** RECORDS FOR THIS EXERCISE follows **

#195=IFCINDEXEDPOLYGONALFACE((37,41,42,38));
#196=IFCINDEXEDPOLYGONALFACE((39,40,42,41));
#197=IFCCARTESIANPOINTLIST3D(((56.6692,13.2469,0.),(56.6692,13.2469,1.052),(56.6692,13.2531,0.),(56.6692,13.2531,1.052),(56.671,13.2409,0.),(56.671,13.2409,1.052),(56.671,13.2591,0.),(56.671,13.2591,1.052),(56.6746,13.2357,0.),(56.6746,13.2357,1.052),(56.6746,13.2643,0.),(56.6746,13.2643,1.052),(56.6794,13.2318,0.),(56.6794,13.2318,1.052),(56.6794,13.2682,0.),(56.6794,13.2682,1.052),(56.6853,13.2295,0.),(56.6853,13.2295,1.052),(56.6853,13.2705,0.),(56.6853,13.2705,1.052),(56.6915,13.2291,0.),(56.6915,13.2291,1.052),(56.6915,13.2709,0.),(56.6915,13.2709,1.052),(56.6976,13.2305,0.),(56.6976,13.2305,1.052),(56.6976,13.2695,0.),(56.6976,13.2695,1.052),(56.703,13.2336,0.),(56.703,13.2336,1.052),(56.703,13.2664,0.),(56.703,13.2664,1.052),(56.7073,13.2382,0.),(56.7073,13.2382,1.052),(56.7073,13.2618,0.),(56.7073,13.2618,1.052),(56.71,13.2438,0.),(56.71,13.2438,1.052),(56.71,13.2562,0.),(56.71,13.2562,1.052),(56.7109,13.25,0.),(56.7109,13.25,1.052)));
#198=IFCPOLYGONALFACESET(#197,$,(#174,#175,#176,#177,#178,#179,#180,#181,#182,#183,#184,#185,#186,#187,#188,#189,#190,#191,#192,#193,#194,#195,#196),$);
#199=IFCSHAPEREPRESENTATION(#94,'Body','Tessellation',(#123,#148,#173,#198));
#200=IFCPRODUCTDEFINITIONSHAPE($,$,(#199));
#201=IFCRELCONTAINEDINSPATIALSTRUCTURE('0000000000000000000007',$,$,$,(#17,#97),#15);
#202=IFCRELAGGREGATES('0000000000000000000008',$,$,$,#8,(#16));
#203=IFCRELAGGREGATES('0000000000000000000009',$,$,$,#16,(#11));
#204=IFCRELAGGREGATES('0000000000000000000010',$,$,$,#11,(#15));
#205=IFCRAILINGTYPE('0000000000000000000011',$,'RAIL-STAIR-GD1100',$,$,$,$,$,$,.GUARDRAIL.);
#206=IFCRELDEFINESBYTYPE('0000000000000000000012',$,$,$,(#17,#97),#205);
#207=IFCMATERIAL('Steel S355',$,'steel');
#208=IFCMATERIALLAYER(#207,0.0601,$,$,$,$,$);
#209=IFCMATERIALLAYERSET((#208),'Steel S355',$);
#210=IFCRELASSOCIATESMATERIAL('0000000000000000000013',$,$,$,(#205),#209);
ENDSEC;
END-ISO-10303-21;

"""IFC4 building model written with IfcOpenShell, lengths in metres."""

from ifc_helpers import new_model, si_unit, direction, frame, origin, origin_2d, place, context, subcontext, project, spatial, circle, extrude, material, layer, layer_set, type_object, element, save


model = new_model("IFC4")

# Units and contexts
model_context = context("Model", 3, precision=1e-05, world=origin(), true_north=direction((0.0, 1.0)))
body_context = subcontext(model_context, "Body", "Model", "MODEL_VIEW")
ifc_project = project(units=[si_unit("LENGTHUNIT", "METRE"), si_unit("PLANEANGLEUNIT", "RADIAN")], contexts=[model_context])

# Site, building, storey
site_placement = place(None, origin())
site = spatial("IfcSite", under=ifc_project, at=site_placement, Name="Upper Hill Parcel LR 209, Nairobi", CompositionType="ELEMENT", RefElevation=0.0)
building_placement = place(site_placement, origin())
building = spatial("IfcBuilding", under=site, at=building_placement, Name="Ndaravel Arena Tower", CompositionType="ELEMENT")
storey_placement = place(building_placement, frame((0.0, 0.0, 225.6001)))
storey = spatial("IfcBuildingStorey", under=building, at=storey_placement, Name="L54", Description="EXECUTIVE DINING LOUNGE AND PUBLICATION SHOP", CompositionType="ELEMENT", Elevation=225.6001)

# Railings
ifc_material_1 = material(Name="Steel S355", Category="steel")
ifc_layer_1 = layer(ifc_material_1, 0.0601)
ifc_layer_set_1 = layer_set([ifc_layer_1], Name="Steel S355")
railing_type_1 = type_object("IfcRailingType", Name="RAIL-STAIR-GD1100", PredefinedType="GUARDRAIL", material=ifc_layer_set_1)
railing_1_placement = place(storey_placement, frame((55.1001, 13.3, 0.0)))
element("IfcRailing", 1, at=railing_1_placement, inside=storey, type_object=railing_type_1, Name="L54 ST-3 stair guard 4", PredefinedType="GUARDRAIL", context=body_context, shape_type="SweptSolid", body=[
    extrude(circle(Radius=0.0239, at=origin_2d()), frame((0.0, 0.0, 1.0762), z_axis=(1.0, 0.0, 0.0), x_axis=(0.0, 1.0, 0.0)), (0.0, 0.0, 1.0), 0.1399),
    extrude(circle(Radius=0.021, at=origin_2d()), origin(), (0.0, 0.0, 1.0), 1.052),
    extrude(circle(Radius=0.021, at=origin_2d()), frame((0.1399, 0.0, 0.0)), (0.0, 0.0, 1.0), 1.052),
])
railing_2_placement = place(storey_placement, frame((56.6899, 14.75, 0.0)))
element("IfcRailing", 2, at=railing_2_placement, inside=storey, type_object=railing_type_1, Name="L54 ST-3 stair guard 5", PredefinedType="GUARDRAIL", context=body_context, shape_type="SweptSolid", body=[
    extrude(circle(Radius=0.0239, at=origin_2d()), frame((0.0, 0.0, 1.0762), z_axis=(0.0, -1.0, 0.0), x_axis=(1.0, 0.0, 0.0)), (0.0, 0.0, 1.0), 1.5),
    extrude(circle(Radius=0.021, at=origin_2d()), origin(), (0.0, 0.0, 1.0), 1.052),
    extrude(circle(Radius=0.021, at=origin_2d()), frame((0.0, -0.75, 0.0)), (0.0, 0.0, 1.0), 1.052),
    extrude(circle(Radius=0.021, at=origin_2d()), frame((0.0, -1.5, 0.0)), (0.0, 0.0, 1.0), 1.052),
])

** End of RECORDS FOR THIS EXERCISE **

**TASK DIRECTIONS:** If a line above contains the word "extrude", list it.

**EXERCISE RESULT:**
from ifc_helpers import new_model, si_unit, direction, frame, origin, origin_2d, place, context, subcontext, project, spatial, circle, extrude, material, layer, layer_set, type_object, element, save
    extrude(circle(Radius=0.0239, at=origin_2d()), frame((0.0, 0.0, 1.0762), z_axis=(1.0, 0.0, 0.0), x_axis=(0.0, 1.0, 0.0)), (0.0, 0.0, 1.0), 0.1399),
    extrude(circle(Radius=0.021, at=origin_2d()), origin(), (0.0, 0.0, 1.0), 1.052),
    extrude(circle(Radius=0.021, at=origin_2d()), frame((0.1399, 0.0, 0.0)), (0.0, 0.0, 1.0), 1.052),
    extrude(circle(Radius=0.0239, at=origin_2d()), frame((0.0, 0.0, 1.0762), z_axis=(0.0, -1.0, 0.0), x_axis=(1.0, 0.0, 0.0)), (0.0, 0.0, 1.0), 1.5),
    extrude(circle(Radius=0.021, at=origin_2d()), origin(), (0.0, 0.0, 1.0), 1.052),
    extrude(circle(Radius=0.021, at=origin_2d()), frame((0.0, -0.75, 0.0)), (0.0, 0.0, 1.0), 1.052),
    extrude(circle(Radius=0.021, at=origin_2d()), frame((0.0, -1.5, 0.0)), (0.0, 0.0, 1.0), 1.052),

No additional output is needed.